> _What you have to do_
The response must be made up of the lines in the entries below that contain "Support".

Saved entries
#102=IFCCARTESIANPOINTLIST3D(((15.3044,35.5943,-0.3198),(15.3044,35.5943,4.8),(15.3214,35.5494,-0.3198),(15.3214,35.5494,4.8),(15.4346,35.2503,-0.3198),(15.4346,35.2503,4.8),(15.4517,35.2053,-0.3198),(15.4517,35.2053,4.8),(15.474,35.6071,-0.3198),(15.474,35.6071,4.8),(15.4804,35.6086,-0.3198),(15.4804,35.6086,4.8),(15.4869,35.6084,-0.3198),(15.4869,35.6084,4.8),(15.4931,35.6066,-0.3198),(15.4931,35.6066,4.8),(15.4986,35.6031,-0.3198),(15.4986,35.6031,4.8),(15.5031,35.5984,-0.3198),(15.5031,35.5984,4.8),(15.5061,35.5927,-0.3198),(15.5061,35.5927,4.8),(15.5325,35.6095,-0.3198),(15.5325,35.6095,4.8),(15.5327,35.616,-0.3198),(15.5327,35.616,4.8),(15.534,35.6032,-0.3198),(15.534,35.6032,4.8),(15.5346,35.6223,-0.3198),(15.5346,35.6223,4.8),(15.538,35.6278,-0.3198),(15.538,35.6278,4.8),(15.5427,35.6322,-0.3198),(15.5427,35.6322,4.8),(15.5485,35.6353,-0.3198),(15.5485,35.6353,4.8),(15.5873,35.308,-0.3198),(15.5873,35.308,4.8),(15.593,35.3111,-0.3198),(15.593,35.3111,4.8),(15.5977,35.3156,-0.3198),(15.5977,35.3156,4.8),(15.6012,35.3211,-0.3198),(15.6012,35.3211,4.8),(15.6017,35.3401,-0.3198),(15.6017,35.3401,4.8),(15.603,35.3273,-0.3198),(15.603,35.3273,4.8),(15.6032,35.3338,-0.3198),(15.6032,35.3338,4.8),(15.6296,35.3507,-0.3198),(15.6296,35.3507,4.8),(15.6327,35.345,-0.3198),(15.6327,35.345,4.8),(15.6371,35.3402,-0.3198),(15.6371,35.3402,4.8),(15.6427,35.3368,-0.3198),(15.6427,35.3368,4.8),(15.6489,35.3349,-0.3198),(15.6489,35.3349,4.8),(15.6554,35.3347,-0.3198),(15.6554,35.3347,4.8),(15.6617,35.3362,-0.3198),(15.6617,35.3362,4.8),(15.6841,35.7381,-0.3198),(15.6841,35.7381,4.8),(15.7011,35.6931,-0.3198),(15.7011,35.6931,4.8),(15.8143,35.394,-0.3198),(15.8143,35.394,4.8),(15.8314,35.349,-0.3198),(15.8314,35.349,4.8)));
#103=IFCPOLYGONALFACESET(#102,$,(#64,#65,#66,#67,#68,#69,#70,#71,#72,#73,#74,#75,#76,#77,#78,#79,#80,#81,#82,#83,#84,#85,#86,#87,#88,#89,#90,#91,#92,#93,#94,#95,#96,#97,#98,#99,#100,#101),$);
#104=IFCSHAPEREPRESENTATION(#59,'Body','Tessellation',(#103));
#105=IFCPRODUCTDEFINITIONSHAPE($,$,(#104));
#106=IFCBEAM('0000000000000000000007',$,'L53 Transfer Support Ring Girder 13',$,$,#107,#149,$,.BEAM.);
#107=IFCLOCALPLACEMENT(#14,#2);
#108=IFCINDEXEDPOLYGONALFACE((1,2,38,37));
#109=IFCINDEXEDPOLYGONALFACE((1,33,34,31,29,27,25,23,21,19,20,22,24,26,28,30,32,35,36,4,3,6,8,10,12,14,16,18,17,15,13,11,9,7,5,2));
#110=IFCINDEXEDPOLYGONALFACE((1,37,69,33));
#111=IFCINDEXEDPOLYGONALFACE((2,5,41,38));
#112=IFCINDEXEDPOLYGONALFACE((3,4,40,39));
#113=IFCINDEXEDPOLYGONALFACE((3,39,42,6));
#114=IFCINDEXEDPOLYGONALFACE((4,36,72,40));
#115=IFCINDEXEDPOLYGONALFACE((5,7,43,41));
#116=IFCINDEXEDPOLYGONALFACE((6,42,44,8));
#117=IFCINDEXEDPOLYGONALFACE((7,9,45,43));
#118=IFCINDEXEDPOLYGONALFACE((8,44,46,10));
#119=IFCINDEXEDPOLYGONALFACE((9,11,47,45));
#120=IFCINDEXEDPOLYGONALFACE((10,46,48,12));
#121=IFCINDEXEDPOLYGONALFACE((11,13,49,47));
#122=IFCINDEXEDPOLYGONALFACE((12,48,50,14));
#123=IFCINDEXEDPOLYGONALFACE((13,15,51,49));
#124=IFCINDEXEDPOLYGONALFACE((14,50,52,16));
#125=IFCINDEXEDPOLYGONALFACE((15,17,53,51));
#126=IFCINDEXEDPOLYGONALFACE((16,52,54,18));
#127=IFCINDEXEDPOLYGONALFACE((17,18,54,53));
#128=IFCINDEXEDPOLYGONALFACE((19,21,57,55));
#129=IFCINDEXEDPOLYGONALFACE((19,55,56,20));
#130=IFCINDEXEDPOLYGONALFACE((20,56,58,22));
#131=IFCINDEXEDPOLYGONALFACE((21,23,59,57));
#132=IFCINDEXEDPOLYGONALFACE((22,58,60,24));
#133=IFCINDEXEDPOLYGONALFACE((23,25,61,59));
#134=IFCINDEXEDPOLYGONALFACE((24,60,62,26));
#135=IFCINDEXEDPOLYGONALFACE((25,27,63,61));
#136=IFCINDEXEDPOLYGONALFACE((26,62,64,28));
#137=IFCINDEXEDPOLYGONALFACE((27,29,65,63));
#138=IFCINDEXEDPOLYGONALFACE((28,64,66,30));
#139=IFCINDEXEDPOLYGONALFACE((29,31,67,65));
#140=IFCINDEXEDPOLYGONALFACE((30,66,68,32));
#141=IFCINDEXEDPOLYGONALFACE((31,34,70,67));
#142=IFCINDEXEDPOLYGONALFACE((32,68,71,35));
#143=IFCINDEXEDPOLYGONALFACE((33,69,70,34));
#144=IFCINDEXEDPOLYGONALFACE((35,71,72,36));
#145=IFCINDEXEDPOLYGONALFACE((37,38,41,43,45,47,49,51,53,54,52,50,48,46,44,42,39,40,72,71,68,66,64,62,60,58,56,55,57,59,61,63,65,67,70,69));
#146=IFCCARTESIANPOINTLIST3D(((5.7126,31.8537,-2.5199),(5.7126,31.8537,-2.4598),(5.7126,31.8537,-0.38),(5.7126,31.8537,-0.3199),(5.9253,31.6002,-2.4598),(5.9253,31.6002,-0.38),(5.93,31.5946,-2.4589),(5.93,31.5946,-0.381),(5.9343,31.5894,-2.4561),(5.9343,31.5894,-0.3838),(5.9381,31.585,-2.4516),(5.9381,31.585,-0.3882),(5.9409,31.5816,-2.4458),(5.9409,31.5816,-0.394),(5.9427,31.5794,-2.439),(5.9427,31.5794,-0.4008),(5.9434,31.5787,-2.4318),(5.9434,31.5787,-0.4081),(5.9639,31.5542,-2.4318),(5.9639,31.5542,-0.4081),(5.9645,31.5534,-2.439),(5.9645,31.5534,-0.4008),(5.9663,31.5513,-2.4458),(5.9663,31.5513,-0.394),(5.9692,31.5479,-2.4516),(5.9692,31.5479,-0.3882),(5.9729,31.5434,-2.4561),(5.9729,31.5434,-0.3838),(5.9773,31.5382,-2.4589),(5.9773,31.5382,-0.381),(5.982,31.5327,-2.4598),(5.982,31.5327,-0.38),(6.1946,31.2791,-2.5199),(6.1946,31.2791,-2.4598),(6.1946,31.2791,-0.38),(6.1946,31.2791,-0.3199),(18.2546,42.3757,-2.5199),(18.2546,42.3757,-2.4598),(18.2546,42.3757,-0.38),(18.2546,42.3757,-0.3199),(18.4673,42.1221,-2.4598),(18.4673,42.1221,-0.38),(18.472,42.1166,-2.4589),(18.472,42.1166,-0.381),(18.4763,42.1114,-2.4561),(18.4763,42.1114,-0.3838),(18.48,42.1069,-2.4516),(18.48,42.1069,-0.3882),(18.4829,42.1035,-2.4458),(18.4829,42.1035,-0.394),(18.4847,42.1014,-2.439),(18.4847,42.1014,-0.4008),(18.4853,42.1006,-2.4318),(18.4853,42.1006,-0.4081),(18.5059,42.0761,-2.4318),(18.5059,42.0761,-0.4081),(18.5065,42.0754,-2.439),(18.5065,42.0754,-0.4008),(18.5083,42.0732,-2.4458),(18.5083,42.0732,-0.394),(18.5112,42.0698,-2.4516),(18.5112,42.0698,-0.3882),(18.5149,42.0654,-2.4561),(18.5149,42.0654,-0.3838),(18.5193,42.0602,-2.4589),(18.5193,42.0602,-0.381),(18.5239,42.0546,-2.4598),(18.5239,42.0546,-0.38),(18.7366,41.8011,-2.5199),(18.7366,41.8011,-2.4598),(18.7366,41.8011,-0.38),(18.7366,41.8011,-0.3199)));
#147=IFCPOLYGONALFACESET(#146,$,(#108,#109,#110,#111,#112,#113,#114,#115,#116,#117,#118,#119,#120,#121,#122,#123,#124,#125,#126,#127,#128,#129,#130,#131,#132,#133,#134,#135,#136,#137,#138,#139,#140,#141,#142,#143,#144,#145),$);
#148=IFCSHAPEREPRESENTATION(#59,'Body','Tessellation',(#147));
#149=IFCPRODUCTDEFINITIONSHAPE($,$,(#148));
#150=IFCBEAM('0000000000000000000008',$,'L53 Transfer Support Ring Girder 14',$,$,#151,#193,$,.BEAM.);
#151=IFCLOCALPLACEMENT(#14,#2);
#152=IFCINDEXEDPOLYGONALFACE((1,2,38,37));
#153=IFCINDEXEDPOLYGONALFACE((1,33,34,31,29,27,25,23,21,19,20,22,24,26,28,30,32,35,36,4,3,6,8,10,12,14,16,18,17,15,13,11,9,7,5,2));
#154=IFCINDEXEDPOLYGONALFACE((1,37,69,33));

> _Output below_
#106=IFCBEAM('0000000000000000000007',$,'L53 Transfer Support Ring Girder 13',$,$,#107,#149,$,.BEAM.);
#150=IFCBEAM('0000000000000000000008',$,'L53 Transfer Support Ring Girder 14',$,$,#151,#193,$,.BEAM.);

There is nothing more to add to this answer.